> [EXERCISE MATERIAL]
* * * * *

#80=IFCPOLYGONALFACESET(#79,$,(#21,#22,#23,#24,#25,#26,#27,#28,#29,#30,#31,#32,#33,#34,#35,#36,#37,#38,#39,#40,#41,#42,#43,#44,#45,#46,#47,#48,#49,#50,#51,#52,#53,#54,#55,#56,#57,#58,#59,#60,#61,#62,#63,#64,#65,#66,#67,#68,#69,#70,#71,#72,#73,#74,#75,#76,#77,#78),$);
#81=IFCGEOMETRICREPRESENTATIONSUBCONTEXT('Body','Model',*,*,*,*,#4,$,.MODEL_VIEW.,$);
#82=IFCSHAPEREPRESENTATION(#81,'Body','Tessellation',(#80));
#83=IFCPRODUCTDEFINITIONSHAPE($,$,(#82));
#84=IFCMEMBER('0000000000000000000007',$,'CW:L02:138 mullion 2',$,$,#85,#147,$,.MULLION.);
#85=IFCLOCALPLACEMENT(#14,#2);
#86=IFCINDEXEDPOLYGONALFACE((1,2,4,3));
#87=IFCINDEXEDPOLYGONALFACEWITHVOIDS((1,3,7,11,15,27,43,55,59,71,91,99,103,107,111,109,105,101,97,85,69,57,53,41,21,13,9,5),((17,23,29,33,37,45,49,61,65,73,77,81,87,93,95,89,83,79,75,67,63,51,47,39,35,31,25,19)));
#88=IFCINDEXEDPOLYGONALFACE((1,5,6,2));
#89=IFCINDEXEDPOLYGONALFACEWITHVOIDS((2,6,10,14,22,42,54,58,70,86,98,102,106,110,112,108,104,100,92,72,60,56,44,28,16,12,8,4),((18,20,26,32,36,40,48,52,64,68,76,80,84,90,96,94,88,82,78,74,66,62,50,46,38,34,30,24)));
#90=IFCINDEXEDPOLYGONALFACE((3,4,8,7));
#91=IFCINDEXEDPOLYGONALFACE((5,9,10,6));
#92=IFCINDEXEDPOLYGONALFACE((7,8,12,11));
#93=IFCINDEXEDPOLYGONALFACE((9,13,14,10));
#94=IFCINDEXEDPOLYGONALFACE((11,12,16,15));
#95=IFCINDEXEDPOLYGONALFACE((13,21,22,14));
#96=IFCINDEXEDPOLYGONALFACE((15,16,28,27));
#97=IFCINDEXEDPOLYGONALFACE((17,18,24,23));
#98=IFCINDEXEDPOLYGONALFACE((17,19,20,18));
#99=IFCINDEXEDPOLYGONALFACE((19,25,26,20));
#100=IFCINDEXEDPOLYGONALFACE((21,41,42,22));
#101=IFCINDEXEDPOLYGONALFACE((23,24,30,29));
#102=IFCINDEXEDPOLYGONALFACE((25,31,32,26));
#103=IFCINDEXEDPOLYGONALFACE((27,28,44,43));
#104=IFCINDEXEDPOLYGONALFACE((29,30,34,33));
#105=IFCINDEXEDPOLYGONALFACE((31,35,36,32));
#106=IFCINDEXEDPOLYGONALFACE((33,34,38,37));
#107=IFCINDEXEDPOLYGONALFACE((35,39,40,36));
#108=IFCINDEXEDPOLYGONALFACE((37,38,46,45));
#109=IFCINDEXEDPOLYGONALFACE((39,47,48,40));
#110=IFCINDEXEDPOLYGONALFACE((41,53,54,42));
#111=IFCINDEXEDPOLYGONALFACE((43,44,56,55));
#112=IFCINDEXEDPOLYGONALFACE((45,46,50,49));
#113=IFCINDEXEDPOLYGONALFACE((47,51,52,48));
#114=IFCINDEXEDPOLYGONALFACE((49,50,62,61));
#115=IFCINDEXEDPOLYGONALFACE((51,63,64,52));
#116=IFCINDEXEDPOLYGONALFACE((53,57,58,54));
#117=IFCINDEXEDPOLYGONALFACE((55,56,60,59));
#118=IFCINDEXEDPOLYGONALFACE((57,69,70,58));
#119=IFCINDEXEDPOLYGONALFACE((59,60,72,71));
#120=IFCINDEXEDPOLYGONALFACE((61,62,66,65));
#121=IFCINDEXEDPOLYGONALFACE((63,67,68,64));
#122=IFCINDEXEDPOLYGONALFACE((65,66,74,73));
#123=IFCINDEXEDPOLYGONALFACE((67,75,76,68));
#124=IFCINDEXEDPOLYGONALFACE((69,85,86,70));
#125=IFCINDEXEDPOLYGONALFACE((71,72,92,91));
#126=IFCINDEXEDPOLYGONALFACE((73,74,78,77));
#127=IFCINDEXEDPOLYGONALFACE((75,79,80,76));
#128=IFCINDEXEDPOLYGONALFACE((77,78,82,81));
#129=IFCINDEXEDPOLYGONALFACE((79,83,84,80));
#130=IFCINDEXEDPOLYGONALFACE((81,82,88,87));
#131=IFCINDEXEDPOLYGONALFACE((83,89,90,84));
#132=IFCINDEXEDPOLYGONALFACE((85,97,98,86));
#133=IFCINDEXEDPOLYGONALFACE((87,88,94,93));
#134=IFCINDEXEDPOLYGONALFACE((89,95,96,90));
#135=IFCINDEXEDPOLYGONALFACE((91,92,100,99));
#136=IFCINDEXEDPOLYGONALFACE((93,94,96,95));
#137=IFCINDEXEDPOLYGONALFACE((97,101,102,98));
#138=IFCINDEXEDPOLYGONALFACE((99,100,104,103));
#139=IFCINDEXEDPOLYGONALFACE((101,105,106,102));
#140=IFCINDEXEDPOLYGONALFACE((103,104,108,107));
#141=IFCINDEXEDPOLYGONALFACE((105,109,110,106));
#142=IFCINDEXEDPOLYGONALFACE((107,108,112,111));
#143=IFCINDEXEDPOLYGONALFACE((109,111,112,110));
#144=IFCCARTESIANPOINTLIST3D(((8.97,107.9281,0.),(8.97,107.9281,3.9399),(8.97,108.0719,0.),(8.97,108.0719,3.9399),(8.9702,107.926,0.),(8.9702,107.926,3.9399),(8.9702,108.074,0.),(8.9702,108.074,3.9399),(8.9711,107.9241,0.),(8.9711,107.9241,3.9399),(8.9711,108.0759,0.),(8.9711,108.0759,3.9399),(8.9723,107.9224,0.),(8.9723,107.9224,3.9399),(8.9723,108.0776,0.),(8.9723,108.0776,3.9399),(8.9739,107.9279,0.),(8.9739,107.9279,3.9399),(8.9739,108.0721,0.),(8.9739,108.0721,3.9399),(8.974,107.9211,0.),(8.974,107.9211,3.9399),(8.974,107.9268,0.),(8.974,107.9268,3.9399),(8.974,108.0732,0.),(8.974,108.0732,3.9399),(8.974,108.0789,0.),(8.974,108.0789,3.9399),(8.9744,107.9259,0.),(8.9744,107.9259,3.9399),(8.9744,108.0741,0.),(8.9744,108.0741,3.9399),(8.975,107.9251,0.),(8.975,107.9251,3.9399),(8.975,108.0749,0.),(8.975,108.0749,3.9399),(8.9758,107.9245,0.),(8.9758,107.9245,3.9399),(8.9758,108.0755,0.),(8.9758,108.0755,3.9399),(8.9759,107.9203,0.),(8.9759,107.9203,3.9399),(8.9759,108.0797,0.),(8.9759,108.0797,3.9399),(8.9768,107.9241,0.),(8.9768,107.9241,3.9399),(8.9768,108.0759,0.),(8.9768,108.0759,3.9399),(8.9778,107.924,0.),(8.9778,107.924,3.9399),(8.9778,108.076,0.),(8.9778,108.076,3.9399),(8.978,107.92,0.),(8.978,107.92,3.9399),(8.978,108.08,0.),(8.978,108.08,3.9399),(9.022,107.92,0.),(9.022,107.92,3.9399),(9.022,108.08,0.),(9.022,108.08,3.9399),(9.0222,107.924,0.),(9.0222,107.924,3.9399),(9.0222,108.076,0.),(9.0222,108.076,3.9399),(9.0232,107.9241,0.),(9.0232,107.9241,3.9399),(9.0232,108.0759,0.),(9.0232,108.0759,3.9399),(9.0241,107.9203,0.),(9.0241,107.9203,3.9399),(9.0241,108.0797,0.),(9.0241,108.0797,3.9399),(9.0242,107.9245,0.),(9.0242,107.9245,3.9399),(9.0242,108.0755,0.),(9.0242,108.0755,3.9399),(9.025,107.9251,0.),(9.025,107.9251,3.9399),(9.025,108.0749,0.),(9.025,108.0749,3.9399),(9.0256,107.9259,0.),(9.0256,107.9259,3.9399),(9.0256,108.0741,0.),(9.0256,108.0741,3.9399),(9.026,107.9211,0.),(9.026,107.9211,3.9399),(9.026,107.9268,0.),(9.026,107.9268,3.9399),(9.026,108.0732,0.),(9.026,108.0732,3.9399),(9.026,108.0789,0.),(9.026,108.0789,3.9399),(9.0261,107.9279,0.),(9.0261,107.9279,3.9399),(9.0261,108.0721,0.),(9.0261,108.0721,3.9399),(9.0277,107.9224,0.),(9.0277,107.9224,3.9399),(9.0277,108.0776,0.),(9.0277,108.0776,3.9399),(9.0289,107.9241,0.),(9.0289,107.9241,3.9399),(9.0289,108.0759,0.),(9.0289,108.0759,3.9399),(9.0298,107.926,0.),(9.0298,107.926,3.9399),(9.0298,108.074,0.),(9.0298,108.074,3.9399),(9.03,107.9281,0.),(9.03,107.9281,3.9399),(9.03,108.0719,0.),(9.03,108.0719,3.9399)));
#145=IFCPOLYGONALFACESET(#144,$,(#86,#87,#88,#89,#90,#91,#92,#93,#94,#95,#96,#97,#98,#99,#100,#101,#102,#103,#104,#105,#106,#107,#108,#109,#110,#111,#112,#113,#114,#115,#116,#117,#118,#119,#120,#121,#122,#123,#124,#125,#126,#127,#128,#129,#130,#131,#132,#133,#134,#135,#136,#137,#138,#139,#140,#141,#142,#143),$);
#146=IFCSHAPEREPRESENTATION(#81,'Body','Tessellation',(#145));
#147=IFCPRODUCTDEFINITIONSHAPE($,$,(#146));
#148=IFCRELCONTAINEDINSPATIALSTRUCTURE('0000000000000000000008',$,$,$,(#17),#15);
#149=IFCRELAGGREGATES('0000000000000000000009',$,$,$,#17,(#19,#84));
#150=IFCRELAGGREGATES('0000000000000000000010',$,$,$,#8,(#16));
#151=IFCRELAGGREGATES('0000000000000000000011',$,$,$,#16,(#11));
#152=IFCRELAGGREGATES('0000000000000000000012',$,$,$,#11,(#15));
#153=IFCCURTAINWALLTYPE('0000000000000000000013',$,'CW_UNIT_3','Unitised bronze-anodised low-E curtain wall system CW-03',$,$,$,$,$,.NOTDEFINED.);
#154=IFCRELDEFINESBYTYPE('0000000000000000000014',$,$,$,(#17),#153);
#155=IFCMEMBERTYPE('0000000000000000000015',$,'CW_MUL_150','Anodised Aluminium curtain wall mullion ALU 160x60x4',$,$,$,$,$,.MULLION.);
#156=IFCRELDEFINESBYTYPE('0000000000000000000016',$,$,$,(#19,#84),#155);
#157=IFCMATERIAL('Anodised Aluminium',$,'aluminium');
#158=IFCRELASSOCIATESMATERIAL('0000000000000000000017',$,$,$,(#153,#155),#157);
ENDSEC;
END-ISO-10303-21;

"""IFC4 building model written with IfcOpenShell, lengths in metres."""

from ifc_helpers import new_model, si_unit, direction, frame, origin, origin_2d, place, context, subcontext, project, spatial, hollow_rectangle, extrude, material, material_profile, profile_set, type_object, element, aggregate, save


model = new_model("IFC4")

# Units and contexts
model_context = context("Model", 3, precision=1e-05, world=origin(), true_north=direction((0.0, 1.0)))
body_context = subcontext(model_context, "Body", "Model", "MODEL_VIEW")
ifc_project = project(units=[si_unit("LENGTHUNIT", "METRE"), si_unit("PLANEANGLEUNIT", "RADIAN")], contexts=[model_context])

* * * * *

> [WORK REQUIRED] Search the listing above for the string "direction" and return each line it appears on.

> [ANSWER TO THE EXERCISE]
from ifc_helpers import new_model, si_unit, direction, frame, origin, origin_2d, place, context, subcontext, project, spatial, hollow_rectangle, extrude, material, material_profile, profile_set, type_object, element, aggregate, save
model_context = context("Model", 3, precision=1e-05, world=origin(), true_north=direction((0.0, 1.0)))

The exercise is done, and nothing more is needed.